--- WHAT IS NEEDED ---
Run through the records and show each line that includes the string "pile".

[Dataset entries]
Start of Block

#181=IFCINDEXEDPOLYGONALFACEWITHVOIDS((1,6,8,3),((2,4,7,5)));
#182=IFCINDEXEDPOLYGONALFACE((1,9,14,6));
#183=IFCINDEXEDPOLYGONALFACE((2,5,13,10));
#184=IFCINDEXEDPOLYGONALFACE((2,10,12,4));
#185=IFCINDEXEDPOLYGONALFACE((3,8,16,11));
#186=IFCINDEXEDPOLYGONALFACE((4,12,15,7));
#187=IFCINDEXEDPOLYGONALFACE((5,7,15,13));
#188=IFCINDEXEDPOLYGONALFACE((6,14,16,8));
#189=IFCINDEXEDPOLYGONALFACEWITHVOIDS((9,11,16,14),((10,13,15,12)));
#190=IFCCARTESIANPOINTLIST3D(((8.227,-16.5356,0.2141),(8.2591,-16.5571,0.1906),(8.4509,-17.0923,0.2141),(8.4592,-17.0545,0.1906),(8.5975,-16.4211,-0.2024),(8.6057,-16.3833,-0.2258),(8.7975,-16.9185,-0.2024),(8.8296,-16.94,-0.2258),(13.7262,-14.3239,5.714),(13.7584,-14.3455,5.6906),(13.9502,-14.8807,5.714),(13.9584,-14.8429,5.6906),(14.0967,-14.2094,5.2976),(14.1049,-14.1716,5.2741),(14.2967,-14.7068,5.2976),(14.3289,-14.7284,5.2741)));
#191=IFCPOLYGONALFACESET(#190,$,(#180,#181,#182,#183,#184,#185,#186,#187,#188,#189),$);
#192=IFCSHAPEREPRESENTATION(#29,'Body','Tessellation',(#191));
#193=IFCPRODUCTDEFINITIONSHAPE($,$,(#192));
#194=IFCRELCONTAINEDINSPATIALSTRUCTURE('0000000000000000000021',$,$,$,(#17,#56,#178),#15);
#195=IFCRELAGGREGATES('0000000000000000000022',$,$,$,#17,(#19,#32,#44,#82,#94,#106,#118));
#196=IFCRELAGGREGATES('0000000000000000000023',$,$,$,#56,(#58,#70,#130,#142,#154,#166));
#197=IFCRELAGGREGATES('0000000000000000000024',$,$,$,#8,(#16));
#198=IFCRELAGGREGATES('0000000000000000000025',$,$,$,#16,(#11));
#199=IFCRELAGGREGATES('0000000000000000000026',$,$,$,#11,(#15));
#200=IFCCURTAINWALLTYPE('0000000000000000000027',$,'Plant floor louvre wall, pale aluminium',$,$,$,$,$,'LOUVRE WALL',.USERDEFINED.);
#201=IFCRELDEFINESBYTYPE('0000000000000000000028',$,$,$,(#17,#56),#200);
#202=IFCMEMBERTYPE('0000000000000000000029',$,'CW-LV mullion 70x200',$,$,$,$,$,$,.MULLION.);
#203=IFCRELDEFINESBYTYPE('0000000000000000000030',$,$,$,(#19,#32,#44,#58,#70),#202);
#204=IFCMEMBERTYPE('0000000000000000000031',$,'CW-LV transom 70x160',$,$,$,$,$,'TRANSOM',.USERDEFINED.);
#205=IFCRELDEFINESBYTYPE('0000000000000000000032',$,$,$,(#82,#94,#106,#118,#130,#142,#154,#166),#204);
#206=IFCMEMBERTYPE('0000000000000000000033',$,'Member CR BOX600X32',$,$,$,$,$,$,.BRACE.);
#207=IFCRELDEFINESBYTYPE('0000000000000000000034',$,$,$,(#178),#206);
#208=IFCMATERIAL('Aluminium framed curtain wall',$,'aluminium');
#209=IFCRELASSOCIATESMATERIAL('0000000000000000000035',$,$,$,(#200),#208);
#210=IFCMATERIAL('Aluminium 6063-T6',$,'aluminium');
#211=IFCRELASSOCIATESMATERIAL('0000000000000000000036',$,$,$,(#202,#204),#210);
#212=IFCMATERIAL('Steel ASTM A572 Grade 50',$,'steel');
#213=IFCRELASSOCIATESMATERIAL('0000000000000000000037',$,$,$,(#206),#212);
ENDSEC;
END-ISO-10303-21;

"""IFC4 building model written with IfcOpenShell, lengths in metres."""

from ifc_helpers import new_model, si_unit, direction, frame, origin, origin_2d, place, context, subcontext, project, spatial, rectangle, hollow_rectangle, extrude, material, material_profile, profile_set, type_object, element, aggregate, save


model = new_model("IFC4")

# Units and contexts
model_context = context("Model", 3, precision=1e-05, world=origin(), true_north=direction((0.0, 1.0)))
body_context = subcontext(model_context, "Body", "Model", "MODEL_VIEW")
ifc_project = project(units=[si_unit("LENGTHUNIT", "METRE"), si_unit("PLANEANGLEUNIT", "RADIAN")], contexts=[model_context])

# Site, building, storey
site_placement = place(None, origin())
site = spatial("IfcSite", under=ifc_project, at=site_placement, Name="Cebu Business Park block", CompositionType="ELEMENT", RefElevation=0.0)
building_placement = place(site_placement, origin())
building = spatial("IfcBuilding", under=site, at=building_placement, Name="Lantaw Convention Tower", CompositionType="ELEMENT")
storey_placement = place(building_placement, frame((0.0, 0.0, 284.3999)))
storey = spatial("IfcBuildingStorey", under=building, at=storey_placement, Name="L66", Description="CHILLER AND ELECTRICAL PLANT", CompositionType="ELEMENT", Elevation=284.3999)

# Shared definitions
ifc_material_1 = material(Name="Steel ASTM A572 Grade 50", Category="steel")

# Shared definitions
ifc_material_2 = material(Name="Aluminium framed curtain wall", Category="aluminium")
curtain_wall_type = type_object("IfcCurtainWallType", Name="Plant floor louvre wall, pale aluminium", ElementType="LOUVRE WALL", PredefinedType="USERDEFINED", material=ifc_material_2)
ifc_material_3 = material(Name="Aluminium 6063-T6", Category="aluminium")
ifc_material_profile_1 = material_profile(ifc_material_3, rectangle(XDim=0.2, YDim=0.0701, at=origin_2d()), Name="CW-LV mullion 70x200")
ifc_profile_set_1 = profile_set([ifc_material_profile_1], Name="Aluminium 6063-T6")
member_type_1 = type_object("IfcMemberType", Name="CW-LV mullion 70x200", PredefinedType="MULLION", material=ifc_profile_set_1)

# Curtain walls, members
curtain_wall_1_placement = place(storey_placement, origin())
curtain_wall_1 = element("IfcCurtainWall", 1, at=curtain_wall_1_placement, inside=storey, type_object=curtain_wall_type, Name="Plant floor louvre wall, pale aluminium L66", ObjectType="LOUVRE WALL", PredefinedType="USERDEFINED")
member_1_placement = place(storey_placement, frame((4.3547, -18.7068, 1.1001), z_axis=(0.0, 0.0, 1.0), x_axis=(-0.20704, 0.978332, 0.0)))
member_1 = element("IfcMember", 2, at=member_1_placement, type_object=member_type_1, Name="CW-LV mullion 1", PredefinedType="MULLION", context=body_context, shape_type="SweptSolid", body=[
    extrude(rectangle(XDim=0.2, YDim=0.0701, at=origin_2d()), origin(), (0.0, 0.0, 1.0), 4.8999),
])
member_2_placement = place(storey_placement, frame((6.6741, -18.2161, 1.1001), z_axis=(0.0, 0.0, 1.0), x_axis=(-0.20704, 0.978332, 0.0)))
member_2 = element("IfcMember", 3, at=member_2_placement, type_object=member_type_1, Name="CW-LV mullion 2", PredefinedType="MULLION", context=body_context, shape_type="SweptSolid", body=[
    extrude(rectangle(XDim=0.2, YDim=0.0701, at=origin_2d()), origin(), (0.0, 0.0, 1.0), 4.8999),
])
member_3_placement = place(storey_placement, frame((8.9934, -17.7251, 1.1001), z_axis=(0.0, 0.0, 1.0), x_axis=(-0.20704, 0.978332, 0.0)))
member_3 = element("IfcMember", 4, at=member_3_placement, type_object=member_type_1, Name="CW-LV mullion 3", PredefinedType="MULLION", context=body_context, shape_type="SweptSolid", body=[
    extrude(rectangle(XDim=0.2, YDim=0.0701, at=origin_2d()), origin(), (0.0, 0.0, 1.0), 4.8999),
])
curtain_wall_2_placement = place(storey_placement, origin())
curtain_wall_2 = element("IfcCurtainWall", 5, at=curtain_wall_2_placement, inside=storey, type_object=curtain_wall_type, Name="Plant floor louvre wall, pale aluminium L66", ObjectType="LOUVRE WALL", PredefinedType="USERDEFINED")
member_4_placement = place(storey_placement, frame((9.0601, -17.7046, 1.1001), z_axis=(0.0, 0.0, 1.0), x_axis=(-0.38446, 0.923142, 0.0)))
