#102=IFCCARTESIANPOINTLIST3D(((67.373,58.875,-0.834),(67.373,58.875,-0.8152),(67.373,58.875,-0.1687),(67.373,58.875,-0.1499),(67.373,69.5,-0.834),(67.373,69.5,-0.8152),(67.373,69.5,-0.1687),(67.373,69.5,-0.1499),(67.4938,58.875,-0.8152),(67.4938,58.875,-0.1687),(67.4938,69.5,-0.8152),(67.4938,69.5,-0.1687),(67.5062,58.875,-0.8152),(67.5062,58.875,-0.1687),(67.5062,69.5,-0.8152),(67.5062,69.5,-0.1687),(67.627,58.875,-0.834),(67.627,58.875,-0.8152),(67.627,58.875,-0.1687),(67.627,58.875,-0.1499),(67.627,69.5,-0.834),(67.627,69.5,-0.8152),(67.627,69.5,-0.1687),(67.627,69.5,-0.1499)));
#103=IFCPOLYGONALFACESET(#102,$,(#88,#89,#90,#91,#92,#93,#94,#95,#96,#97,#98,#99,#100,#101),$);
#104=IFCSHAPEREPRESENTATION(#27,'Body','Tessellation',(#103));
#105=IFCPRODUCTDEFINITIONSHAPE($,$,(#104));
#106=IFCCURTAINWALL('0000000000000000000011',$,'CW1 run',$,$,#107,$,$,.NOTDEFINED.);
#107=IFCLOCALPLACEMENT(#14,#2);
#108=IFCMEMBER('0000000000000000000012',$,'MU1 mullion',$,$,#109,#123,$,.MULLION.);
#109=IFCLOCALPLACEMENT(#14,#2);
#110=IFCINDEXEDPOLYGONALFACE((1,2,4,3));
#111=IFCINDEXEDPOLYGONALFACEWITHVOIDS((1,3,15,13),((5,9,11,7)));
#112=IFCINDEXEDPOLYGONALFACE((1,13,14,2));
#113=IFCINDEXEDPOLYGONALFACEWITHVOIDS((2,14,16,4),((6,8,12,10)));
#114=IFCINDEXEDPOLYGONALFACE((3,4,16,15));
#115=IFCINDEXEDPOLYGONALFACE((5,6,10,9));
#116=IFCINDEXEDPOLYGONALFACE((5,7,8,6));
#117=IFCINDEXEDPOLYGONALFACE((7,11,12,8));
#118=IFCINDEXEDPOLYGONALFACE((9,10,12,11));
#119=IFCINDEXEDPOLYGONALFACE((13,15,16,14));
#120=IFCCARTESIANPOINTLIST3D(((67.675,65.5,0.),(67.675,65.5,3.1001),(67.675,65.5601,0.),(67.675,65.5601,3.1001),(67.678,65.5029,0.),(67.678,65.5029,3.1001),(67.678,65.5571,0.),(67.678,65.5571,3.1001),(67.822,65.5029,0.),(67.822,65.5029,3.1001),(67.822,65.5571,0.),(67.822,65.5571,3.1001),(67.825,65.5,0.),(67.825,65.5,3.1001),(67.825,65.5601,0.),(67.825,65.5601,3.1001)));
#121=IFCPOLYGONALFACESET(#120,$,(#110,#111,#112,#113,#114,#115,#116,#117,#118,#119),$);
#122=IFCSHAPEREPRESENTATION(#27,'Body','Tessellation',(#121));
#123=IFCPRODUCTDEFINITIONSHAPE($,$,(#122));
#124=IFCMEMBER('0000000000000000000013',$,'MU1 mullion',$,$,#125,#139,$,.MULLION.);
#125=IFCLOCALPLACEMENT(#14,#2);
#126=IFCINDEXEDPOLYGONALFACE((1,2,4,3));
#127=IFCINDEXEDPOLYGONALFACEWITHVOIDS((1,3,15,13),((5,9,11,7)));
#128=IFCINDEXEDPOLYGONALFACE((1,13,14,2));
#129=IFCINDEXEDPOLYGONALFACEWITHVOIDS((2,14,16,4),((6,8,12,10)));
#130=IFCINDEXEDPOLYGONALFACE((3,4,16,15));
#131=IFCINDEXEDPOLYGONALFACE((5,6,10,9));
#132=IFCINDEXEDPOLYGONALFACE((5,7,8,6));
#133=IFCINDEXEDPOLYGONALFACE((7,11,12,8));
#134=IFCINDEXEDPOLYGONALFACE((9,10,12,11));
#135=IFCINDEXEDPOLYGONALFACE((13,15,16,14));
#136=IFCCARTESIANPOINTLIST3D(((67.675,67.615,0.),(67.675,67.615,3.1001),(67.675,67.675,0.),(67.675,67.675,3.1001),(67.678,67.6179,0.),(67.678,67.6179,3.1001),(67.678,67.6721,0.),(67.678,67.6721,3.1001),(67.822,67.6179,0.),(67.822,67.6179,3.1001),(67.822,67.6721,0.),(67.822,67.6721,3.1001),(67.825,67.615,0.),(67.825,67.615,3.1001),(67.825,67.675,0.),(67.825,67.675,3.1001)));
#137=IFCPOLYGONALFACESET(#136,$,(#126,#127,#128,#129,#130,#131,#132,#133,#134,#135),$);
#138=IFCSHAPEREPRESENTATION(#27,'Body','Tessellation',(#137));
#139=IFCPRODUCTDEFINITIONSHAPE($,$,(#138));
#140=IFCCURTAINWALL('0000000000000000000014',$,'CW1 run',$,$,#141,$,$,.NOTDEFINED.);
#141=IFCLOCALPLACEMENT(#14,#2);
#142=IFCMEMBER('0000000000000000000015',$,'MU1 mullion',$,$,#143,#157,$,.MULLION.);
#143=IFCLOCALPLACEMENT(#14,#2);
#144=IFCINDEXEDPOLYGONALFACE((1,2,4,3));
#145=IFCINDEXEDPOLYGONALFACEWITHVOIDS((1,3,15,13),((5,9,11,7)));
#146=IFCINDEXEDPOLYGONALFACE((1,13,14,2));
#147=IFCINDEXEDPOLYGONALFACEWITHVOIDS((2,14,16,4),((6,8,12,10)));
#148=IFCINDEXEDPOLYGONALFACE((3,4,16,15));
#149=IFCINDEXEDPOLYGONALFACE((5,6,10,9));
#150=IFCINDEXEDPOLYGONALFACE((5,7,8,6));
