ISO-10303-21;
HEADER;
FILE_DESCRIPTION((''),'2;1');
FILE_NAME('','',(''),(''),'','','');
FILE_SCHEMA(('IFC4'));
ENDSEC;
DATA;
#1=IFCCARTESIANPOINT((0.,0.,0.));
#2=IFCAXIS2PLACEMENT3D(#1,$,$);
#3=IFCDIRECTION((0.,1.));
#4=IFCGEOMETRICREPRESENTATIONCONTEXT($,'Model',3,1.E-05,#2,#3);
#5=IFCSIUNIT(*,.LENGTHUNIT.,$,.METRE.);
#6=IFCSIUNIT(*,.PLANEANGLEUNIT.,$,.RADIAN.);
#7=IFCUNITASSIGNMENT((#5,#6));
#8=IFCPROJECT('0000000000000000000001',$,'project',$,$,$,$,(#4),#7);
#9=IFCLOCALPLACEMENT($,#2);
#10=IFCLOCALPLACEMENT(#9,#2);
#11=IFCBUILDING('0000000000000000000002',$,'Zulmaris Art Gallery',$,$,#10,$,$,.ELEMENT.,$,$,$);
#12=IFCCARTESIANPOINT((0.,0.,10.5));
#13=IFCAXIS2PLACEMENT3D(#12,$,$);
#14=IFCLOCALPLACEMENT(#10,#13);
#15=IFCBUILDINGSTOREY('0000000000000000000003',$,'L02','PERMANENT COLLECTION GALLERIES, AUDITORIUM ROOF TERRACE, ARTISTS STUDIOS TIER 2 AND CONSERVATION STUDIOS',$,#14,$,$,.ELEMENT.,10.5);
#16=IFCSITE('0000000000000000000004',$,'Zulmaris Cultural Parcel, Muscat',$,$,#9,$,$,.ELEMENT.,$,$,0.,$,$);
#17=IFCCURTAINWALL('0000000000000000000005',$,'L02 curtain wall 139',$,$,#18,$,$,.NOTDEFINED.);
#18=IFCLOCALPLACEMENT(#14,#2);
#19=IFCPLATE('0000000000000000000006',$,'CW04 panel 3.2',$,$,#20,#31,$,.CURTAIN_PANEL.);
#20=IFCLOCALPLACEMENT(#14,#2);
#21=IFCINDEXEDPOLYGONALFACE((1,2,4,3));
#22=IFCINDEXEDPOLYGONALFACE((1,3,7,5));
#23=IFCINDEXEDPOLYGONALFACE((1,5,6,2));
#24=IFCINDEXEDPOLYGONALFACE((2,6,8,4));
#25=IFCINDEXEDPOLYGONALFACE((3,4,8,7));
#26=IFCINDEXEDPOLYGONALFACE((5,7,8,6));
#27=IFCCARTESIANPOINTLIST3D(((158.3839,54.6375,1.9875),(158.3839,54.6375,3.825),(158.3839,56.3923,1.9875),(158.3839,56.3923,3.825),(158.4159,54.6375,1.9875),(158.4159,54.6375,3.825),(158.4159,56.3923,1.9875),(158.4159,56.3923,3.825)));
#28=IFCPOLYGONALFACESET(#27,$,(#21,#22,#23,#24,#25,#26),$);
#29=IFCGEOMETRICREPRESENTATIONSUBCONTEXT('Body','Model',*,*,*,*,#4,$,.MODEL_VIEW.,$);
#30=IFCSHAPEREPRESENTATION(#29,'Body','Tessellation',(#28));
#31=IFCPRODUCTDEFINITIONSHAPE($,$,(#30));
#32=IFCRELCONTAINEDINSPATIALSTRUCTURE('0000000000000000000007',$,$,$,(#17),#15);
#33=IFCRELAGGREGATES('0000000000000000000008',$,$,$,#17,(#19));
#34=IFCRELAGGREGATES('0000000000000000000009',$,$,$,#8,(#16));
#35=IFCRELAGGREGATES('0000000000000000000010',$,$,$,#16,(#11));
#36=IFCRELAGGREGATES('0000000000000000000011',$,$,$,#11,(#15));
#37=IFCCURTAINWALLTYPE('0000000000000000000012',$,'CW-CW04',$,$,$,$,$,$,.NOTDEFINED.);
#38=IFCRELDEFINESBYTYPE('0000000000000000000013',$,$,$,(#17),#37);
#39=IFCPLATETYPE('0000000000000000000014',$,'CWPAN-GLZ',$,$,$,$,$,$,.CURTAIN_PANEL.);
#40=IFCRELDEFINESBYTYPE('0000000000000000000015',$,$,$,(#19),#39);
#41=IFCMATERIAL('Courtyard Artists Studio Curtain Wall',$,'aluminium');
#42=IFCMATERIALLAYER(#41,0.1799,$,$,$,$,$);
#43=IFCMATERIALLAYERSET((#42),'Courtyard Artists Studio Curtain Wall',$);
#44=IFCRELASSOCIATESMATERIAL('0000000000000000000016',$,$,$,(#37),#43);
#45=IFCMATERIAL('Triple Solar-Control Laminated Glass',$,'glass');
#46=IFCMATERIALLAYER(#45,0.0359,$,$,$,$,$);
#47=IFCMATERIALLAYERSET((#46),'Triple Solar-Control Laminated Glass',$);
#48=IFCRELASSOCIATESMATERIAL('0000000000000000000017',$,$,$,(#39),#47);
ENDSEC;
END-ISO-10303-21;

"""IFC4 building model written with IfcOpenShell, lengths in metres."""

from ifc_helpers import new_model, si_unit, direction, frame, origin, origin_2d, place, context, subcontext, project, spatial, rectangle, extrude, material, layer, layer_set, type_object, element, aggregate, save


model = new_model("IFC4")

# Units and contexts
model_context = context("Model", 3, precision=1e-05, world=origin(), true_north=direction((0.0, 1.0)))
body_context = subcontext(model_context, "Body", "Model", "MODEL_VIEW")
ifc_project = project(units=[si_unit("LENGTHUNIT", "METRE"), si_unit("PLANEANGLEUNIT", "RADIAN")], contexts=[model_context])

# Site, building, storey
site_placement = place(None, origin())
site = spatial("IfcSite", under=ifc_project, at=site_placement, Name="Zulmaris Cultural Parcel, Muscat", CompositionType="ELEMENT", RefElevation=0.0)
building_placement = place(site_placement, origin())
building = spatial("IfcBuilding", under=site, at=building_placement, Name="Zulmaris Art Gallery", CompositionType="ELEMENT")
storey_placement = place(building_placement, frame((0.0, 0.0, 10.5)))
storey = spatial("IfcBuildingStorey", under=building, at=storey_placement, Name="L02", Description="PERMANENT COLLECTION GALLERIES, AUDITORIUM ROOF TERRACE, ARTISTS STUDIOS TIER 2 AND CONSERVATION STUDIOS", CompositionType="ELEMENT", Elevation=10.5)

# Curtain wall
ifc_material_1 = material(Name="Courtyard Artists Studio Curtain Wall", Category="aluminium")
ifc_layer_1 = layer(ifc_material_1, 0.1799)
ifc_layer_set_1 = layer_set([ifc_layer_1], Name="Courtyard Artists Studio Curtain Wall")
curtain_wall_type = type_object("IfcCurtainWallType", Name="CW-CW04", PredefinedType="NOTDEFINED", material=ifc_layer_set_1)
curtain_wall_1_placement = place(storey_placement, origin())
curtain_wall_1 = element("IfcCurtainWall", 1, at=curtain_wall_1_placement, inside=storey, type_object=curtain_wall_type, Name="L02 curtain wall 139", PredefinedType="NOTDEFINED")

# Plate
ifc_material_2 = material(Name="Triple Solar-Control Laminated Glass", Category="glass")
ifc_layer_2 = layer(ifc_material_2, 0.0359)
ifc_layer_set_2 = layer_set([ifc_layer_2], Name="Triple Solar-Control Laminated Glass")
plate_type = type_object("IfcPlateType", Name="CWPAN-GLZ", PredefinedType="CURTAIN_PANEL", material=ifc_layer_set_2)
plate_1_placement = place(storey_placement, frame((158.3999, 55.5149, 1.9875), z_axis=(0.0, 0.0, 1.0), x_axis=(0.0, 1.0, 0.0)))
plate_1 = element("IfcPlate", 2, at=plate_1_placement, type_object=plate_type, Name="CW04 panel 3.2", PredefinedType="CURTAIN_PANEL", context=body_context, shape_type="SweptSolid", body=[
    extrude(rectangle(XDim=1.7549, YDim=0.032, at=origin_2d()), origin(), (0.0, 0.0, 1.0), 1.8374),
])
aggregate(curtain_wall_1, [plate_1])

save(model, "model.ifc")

End of Block
Start of Block

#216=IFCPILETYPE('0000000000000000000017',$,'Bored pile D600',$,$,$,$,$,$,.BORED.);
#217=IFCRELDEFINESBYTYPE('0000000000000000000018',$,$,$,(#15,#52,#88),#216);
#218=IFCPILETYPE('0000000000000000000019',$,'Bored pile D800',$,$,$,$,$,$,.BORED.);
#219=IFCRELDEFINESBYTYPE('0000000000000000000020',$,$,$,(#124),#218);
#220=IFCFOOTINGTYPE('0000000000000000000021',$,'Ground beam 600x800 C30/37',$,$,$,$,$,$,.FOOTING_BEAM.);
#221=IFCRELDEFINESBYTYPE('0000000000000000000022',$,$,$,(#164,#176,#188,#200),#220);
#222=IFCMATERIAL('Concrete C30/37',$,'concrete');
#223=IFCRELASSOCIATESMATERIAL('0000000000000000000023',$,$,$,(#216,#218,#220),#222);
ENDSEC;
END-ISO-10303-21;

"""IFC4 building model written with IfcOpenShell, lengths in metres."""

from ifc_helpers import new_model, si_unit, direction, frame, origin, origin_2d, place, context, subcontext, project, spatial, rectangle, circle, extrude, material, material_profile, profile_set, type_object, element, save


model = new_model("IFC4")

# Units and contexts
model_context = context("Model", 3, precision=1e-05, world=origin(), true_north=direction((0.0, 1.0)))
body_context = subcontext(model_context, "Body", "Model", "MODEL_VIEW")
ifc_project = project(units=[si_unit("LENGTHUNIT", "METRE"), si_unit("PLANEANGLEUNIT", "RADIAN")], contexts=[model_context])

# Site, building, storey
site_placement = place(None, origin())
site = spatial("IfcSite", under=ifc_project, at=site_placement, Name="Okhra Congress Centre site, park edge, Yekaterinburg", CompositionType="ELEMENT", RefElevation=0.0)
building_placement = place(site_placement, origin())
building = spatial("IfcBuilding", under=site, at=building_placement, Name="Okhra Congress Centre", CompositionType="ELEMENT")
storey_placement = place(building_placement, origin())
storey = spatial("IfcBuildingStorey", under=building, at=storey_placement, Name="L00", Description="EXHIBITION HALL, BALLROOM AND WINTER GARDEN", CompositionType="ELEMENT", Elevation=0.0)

End of Block
Start of Block

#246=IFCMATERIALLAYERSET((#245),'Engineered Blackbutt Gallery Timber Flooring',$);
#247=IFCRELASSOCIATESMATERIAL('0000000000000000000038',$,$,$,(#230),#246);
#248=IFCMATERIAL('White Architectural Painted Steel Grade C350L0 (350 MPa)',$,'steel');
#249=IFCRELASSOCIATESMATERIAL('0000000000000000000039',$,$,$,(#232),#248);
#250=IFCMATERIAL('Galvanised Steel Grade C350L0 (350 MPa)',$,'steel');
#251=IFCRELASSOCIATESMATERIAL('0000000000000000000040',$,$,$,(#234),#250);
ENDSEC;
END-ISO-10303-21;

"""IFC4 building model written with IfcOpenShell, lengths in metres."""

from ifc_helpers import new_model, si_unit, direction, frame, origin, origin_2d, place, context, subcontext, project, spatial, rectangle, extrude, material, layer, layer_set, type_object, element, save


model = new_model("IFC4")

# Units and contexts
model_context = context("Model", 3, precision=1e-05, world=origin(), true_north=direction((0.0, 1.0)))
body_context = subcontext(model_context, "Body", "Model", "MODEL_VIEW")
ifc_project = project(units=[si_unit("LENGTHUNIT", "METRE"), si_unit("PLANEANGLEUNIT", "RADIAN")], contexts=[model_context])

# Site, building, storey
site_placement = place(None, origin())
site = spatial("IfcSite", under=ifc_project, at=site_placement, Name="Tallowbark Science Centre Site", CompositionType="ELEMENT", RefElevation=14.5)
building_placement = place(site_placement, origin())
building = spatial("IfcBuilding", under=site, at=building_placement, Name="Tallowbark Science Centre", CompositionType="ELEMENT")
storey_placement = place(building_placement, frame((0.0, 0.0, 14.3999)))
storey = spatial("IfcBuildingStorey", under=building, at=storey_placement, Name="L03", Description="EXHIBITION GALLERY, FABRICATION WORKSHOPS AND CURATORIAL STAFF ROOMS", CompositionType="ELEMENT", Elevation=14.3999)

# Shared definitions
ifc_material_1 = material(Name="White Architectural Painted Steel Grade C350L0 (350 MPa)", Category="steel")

End of Block

--- RESULT FOR THIS TASK ---
#216=IFCPILETYPE('0000000000000000000017',$,'Bored pile D600',$,$,$,$,$,$,.BORED.);
#218=IFCPILETYPE('0000000000000000000019',$,'Bored pile D800',$,$,$,$,$,$,.BORED.);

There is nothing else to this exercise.